**Exercise prompt**
Of the entries below, return exactly those lines that fall between the one containing "#153=IFCINDEXEDPOLYGONALFACE((1,33,69,37));" and the one containing "#161=IFCINDEXEDPOLYGONALFACE((18,20,24,22));", the two end lines included.

**Data for processing**

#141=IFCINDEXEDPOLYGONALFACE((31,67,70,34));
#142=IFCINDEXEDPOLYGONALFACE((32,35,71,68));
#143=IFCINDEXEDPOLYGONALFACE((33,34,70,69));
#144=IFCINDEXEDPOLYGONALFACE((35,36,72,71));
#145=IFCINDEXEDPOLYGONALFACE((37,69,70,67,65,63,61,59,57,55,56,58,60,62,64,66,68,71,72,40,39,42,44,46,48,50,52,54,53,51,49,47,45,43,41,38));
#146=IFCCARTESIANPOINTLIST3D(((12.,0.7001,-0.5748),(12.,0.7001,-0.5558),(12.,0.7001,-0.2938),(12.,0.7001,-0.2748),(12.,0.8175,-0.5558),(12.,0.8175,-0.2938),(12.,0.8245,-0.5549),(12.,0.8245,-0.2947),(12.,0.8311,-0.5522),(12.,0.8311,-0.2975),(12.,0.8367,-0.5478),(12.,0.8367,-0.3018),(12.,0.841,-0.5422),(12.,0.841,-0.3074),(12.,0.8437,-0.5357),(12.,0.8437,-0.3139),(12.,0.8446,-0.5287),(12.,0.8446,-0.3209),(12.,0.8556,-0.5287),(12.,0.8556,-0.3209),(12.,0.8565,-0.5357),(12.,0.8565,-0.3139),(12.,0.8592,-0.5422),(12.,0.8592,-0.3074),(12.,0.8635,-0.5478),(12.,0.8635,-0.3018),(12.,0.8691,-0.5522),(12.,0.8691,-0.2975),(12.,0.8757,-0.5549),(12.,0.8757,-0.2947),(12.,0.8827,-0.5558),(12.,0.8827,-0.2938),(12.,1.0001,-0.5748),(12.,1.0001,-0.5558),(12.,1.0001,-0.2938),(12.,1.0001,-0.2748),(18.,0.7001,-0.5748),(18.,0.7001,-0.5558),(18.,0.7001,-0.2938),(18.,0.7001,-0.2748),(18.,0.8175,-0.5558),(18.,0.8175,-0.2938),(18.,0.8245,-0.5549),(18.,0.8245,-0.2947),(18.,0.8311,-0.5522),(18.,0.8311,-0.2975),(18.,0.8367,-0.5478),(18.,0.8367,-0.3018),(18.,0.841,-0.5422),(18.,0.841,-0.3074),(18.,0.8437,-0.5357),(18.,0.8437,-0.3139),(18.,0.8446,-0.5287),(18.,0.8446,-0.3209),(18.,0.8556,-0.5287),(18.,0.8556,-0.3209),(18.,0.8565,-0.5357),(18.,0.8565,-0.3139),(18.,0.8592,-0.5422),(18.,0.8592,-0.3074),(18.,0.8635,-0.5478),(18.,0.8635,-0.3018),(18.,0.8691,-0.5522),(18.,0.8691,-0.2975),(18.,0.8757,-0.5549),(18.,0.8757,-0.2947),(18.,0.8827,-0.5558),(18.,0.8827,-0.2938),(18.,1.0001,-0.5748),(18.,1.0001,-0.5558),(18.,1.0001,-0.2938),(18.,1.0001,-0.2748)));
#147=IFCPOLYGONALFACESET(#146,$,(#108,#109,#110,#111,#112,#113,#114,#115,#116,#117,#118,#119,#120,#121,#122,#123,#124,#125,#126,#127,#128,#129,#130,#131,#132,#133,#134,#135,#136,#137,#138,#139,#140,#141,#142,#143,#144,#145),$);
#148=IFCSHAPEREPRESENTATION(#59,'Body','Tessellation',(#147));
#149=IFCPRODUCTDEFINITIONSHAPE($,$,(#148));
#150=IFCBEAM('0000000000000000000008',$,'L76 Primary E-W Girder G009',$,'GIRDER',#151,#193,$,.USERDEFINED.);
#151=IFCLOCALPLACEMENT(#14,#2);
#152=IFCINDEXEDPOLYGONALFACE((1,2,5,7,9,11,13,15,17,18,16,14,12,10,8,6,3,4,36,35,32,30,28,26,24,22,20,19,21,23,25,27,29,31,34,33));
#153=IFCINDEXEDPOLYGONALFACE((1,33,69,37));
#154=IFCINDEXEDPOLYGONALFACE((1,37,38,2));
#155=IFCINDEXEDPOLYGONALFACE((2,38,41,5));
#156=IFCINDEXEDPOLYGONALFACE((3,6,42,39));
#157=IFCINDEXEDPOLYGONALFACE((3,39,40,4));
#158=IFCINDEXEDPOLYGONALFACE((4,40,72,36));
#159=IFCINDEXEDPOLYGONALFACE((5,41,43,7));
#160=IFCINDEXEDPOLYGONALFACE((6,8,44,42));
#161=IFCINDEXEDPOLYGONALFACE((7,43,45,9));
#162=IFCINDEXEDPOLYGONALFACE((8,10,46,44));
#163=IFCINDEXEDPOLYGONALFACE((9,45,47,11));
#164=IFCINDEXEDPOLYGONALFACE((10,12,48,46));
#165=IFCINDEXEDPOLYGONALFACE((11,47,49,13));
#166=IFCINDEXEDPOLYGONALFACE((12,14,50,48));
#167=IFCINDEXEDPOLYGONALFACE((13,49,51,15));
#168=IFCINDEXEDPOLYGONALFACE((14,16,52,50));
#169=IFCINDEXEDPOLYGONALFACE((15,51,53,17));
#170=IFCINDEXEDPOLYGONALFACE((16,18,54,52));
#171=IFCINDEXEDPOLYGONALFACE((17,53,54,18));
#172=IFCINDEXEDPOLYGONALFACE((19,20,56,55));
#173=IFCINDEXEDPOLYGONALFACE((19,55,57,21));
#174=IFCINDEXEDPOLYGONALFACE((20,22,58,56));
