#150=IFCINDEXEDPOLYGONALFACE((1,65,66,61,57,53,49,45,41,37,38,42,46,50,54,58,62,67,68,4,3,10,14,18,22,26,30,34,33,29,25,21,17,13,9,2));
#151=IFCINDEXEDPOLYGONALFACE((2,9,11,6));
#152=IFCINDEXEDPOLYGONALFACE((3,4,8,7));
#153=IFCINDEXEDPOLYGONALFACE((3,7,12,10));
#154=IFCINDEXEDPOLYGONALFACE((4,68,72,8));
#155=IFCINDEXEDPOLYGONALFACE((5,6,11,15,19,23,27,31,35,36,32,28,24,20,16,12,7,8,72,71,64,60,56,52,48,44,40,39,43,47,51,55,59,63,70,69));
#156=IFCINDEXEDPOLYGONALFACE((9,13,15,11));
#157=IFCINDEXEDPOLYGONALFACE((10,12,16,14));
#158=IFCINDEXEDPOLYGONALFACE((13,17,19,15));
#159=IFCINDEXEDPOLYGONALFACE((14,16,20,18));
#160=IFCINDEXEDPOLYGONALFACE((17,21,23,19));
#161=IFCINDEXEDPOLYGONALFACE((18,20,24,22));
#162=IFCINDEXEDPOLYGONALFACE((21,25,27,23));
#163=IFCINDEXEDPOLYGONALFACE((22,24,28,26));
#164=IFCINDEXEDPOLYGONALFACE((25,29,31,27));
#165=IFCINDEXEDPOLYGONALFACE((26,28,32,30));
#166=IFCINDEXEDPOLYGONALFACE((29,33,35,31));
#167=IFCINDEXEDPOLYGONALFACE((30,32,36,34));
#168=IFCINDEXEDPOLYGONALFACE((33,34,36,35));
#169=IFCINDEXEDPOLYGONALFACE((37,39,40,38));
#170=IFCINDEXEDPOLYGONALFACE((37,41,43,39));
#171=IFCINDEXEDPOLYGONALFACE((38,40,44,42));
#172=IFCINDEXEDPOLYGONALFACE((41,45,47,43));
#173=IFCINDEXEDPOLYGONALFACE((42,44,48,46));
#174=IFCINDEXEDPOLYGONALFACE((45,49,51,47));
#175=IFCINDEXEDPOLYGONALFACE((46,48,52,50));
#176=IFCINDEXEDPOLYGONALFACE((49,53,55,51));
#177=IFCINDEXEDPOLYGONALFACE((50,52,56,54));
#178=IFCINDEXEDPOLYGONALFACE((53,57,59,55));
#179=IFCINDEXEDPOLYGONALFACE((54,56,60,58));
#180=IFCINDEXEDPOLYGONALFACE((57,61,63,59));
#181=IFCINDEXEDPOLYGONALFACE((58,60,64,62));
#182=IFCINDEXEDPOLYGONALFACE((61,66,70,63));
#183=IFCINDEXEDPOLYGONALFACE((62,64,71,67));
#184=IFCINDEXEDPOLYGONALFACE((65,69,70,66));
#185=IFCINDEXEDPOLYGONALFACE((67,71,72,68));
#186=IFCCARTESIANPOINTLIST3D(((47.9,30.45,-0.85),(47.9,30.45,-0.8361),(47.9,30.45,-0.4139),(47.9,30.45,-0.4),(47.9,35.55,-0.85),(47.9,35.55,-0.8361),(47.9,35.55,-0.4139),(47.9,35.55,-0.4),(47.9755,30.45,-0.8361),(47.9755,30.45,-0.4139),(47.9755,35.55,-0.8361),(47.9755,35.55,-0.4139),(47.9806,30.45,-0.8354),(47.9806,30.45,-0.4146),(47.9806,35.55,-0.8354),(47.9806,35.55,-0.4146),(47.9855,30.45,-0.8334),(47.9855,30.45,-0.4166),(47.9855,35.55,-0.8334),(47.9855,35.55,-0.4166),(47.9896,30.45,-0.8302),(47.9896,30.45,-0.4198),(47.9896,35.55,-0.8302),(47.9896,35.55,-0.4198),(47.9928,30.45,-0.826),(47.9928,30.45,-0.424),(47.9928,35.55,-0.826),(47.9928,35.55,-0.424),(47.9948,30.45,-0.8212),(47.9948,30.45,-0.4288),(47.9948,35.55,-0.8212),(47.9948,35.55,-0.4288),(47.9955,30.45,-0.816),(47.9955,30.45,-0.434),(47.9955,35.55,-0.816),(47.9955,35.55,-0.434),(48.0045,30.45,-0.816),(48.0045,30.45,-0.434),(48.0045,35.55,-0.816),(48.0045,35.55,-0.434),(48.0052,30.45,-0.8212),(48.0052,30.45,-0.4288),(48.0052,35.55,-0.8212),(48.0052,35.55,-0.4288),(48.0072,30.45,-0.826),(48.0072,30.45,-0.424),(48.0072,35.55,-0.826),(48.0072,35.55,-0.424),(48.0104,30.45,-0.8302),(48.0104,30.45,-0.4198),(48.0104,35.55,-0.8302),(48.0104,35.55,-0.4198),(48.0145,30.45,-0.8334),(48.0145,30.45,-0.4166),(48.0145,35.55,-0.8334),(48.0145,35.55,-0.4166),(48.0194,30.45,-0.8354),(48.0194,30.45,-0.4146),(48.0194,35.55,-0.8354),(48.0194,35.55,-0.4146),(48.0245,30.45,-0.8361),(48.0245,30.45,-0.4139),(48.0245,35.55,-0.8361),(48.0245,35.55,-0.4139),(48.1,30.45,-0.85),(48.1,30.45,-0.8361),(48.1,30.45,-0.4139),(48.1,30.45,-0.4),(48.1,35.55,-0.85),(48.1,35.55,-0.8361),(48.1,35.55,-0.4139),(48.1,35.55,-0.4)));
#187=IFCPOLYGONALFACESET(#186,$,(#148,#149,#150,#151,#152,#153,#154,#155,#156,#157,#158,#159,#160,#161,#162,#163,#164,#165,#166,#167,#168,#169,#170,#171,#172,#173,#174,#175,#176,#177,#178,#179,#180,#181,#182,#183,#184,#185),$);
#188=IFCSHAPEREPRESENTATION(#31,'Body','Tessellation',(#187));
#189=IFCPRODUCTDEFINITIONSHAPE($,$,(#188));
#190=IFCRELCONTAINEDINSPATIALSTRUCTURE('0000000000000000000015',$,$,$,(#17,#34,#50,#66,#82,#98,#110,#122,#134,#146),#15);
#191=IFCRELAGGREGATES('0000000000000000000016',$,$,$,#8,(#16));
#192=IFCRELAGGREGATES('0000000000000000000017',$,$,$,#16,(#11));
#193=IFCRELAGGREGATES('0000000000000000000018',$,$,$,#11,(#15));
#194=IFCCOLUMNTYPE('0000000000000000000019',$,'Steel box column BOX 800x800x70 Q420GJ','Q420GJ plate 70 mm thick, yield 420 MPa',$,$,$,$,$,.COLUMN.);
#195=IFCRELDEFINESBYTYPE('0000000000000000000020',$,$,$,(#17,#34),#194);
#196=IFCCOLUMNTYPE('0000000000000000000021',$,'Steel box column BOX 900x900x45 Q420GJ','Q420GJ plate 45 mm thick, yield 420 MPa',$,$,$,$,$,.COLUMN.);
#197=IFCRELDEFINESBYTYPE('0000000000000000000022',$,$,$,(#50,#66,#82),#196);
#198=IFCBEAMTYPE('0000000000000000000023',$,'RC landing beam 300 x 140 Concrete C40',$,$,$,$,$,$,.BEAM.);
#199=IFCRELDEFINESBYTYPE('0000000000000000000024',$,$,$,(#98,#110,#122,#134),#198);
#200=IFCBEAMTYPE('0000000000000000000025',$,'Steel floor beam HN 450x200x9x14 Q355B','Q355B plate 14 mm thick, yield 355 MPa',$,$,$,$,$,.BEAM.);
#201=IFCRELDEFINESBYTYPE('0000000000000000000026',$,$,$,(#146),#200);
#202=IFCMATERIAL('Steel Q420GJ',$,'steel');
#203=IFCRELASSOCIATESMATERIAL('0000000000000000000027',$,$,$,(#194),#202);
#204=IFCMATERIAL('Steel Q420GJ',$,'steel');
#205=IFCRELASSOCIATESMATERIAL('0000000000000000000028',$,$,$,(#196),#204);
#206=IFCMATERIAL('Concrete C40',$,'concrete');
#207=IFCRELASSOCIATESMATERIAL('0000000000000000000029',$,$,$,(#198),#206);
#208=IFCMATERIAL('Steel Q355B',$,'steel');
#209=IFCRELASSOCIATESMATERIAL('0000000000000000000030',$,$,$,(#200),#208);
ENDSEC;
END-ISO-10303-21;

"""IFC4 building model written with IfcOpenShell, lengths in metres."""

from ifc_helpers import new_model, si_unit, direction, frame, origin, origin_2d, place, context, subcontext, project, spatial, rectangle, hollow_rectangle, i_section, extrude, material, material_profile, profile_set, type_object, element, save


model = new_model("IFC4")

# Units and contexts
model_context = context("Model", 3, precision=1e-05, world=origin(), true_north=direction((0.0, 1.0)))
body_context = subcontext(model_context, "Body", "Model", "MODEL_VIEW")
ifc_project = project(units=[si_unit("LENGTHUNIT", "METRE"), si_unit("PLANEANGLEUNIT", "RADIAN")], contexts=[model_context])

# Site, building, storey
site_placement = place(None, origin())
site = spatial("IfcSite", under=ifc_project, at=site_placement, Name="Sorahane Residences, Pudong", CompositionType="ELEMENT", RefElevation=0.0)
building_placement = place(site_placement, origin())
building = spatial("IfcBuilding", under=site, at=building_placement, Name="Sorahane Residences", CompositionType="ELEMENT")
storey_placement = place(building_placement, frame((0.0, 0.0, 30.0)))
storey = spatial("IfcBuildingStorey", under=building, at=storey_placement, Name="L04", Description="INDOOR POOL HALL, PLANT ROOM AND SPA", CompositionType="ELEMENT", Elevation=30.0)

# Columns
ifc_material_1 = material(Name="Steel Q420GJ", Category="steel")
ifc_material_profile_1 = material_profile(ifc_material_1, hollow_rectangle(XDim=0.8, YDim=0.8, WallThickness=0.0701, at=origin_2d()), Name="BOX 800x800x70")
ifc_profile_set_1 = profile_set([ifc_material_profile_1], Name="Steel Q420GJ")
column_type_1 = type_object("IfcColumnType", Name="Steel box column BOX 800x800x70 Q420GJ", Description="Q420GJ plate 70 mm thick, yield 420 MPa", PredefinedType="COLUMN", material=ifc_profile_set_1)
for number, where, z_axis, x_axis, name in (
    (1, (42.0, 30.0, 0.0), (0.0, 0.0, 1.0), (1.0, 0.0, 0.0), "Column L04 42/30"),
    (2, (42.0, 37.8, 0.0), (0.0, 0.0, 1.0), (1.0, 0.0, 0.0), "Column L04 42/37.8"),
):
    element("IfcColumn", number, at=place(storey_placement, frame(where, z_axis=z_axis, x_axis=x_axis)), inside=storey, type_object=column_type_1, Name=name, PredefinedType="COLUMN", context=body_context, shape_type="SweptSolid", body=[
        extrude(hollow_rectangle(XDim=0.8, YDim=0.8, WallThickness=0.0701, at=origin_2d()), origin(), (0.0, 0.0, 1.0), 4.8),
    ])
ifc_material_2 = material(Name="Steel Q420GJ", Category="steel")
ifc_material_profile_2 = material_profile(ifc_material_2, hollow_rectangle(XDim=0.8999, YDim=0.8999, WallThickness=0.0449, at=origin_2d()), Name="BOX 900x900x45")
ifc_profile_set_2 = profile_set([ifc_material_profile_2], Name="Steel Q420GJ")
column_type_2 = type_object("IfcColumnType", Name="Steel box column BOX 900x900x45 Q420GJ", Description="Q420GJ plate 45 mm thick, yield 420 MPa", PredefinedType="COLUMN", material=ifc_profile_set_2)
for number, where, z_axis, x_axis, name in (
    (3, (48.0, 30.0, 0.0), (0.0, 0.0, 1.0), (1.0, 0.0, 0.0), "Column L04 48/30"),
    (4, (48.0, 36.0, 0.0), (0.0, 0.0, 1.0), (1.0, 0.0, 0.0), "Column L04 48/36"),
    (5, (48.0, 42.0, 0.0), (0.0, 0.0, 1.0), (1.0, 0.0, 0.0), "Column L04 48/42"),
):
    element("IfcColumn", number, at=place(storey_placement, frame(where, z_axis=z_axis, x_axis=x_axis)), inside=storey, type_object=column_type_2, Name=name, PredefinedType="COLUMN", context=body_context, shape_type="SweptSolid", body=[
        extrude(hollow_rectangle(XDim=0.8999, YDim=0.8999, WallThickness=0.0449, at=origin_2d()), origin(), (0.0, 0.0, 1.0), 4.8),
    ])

**Task answer**
#153=IFCINDEXEDPOLYGONALFACE((1,33,69,37));
#154=IFCINDEXEDPOLYGONALFACE((1,37,38,2));
#155=IFCINDEXEDPOLYGONALFACE((2,38,41,5));
#156=IFCINDEXEDPOLYGONALFACE((3,6,42,39));
#157=IFCINDEXEDPOLYGONALFACE((3,39,40,4));
#158=IFCINDEXEDPOLYGONALFACE((4,40,72,36));
#159=IFCINDEXEDPOLYGONALFACE((5,41,43,7));
#160=IFCINDEXEDPOLYGONALFACE((6,8,44,42));
#161=IFCINDEXEDPOLYGONALFACE((7,43,45,9));
#162=IFCINDEXEDPOLYGONALFACE((8,10,46,44));
#163=IFCINDEXEDPOLYGONALFACE((9,45,47,11));
#164=IFCINDEXEDPOLYGONALFACE((10,12,48,46));
#165=IFCINDEXEDPOLYGONALFACE((11,47,49,13));
#166=IFCINDEXEDPOLYGONALFACE((12,14,50,48));
#167=IFCINDEXEDPOLYGONALFACE((13,49,51,15));
#168=IFCINDEXEDPOLYGONALFACE((14,16,52,50));
#169=IFCINDEXEDPOLYGONALFACE((15,51,53,17));
#170=IFCINDEXEDPOLYGONALFACE((16,18,54,52));
#171=IFCINDEXEDPOLYGONALFACE((17,53,54,18));
#172=IFCINDEXEDPOLYGONALFACE((19,20,56,55));
#173=IFCINDEXEDPOLYGONALFACE((19,55,57,21));
#174=IFCINDEXEDPOLYGONALFACE((20,22,58,56));
#150=IFCINDEXEDPOLYGONALFACE((1,65,66,61,57,53,49,45,41,37,38,42,46,50,54,58,62,67,68,4,3,10,14,18,22,26,30,34,33,29,25,21,17,13,9,2));
#151=IFCINDEXEDPOLYGONALFACE((2,9,11,6));
#152=IFCINDEXEDPOLYGONALFACE((3,4,8,7));
#153=IFCINDEXEDPOLYGONALFACE((3,7,12,10));
#154=IFCINDEXEDPOLYGONALFACE((4,68,72,8));
#155=IFCINDEXEDPOLYGONALFACE((5,6,11,15,19,23,27,31,35,36,32,28,24,20,16,12,7,8,72,71,64,60,56,52,48,44,40,39,43,47,51,55,59,63,70,69));
#156=IFCINDEXEDPOLYGONALFACE((9,13,15,11));
#157=IFCINDEXEDPOLYGONALFACE((10,12,16,14));
#158=IFCINDEXEDPOLYGONALFACE((13,17,19,15));
#159=IFCINDEXEDPOLYGONALFACE((14,16,20,18));
#160=IFCINDEXEDPOLYGONALFACE((17,21,23,19));
#161=IFCINDEXEDPOLYGONALFACE((18,20,24,22));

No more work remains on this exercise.